#### [WHAT THE TASK REQUIRES]
A single number is the answer: the count of lines in the records that hold the word "contexts".

Segment Start: DATASET EXTRACT

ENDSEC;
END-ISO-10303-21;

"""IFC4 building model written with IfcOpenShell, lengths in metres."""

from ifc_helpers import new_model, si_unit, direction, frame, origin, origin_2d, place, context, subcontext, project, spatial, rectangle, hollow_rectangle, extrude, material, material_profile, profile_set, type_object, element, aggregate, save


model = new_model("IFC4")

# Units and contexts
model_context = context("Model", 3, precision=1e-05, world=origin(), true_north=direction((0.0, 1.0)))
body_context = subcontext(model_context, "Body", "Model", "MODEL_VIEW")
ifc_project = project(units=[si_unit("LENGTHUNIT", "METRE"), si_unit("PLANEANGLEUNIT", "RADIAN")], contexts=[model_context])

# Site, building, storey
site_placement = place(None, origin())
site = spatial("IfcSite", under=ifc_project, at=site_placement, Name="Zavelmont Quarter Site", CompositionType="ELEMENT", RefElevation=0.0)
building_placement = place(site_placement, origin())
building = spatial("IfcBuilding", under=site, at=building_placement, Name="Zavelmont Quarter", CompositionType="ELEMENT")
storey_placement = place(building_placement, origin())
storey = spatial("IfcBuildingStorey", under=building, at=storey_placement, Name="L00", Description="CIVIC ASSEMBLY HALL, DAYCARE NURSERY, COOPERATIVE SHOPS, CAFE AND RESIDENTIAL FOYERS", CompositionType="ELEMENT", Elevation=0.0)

Segment End: DATASET EXTRACT

#### [REPLY TO THE TASK]
2